Stored items:
....................
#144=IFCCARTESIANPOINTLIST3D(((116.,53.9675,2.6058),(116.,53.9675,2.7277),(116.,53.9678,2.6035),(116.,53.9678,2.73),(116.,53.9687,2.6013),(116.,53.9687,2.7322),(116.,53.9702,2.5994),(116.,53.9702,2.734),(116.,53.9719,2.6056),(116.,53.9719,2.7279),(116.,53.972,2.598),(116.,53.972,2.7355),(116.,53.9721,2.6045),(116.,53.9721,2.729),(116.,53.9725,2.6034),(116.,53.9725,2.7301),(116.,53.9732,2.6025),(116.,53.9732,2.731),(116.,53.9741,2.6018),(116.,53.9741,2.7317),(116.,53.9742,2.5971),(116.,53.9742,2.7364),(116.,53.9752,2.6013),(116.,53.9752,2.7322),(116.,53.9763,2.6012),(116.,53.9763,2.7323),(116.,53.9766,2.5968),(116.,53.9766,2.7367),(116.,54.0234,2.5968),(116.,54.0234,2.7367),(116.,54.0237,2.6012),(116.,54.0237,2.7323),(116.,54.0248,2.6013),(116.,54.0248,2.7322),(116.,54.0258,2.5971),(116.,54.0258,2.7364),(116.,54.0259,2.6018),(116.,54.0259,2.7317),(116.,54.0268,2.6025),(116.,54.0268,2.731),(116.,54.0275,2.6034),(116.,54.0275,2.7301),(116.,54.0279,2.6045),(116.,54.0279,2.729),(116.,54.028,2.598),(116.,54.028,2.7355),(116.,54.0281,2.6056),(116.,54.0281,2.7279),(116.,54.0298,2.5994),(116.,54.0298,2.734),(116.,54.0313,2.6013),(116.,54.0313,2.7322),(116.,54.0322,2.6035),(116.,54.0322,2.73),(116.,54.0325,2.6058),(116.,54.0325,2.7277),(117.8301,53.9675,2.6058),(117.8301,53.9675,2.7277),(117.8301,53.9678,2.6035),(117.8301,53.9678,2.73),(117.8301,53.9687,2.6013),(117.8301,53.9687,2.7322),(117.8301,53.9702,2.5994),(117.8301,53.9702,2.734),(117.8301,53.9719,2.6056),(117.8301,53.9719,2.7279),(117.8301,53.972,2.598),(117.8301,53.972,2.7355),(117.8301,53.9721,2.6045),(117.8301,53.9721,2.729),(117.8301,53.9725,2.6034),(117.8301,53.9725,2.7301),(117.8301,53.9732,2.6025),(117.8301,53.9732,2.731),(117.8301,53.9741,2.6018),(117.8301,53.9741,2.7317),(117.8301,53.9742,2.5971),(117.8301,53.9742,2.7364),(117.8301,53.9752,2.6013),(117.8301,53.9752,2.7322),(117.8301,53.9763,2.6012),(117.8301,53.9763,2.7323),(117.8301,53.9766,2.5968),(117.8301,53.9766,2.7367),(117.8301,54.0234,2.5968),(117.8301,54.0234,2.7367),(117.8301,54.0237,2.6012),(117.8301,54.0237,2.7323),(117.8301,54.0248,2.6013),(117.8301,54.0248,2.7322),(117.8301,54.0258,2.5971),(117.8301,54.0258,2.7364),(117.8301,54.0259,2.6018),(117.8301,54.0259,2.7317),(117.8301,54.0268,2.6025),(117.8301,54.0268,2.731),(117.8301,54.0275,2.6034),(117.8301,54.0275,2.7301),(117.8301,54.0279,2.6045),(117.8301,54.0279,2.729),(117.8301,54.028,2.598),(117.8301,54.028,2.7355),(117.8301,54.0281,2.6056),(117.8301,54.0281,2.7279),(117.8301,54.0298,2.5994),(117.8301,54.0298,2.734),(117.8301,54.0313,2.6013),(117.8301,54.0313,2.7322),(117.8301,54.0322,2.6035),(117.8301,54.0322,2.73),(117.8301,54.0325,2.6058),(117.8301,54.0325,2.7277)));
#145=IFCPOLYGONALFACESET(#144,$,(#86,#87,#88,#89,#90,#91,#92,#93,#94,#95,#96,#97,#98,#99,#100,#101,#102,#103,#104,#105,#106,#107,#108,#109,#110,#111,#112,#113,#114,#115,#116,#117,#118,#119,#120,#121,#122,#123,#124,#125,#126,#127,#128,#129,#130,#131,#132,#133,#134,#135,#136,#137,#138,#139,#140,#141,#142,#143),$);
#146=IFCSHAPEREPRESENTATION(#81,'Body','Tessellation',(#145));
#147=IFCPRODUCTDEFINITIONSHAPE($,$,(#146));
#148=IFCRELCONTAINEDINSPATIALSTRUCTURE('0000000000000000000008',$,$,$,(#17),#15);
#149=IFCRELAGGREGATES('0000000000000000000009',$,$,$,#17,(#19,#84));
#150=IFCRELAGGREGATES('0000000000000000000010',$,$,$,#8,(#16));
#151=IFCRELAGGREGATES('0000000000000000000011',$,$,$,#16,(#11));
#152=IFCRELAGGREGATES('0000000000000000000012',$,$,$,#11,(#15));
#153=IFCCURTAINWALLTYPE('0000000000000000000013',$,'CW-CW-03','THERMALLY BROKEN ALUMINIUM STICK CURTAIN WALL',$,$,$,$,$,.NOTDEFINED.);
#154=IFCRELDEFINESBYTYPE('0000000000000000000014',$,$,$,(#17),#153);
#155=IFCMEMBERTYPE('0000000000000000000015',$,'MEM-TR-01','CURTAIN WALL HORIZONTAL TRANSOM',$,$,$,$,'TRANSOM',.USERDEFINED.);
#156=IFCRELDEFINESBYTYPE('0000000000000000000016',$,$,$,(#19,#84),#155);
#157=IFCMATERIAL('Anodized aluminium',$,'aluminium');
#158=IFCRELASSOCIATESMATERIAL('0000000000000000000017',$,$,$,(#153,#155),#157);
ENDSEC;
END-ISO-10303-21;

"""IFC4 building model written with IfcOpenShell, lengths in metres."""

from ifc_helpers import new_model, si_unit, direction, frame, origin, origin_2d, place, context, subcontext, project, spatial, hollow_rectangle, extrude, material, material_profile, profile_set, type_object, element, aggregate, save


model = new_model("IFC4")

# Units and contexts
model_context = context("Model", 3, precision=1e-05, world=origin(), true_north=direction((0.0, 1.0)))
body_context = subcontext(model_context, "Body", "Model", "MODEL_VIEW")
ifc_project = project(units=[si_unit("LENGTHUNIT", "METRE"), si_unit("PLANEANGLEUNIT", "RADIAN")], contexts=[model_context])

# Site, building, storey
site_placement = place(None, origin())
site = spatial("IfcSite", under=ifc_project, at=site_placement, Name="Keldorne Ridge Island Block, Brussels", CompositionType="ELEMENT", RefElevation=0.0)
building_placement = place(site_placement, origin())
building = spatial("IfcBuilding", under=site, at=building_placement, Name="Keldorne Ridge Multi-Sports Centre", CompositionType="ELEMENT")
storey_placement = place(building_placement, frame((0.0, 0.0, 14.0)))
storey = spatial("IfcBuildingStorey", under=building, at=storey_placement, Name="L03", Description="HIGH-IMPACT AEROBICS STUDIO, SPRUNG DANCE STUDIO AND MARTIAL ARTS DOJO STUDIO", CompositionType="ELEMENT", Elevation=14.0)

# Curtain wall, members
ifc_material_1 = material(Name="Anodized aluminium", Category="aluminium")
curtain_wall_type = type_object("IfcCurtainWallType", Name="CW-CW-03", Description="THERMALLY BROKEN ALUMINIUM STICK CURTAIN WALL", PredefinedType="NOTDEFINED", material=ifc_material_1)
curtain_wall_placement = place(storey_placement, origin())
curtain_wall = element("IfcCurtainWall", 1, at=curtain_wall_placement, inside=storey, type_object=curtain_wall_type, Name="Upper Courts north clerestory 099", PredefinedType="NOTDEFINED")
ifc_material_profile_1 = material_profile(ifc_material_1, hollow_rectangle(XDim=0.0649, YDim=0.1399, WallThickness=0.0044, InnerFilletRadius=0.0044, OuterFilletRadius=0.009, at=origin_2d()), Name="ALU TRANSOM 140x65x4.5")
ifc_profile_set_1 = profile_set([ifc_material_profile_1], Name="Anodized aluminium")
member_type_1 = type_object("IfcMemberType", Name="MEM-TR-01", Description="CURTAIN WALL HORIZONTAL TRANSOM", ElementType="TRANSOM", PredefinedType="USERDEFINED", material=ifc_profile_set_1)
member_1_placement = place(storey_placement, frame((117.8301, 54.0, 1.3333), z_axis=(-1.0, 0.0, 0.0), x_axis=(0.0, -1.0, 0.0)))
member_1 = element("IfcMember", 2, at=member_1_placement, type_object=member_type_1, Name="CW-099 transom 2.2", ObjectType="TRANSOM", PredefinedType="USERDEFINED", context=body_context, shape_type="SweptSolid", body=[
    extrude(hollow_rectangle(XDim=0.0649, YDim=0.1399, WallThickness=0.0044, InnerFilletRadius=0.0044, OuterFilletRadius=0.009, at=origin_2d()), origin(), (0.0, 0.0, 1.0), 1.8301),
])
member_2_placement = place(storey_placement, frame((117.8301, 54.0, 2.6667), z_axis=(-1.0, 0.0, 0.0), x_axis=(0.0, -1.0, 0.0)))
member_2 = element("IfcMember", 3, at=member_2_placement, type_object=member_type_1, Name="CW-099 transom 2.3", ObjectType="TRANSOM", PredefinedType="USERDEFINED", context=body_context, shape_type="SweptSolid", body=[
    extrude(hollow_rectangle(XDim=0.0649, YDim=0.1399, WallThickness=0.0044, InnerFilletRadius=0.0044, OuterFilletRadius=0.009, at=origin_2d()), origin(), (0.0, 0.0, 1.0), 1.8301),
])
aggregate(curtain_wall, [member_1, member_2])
....................
WORK TASK: Using the records above, copy word for word the line with "#152=IFCRELAGGREGATES('0000000000000000000012',$,$,$,#11,(#15));", the line with "building model written", and every line between them.

COMPLETED TASK:
#152=IFCRELAGGREGATES('0000000000000000000012',$,$,$,#11,(#15));
#153=IFCCURTAINWALLTYPE('0000000000000000000013',$,'CW-CW-03','THERMALLY BROKEN ALUMINIUM STICK CURTAIN WALL',$,$,$,$,$,.NOTDEFINED.);
#154=IFCRELDEFINESBYTYPE('0000000000000000000014',$,$,$,(#17),#153);
#155=IFCMEMBERTYPE('0000000000000000000015',$,'MEM-TR-01','CURTAIN WALL HORIZONTAL TRANSOM',$,$,$,$,'TRANSOM',.USERDEFINED.);
#156=IFCRELDEFINESBYTYPE('0000000000000000000016',$,$,$,(#19,#84),#155);
#157=IFCMATERIAL('Anodized aluminium',$,'aluminium');
#158=IFCRELASSOCIATESMATERIAL('0000000000000000000017',$,$,$,(#153,#155),#157);
ENDSEC;
END-ISO-10303-21;

"""IFC4 building model written with IfcOpenShell, lengths in metres."""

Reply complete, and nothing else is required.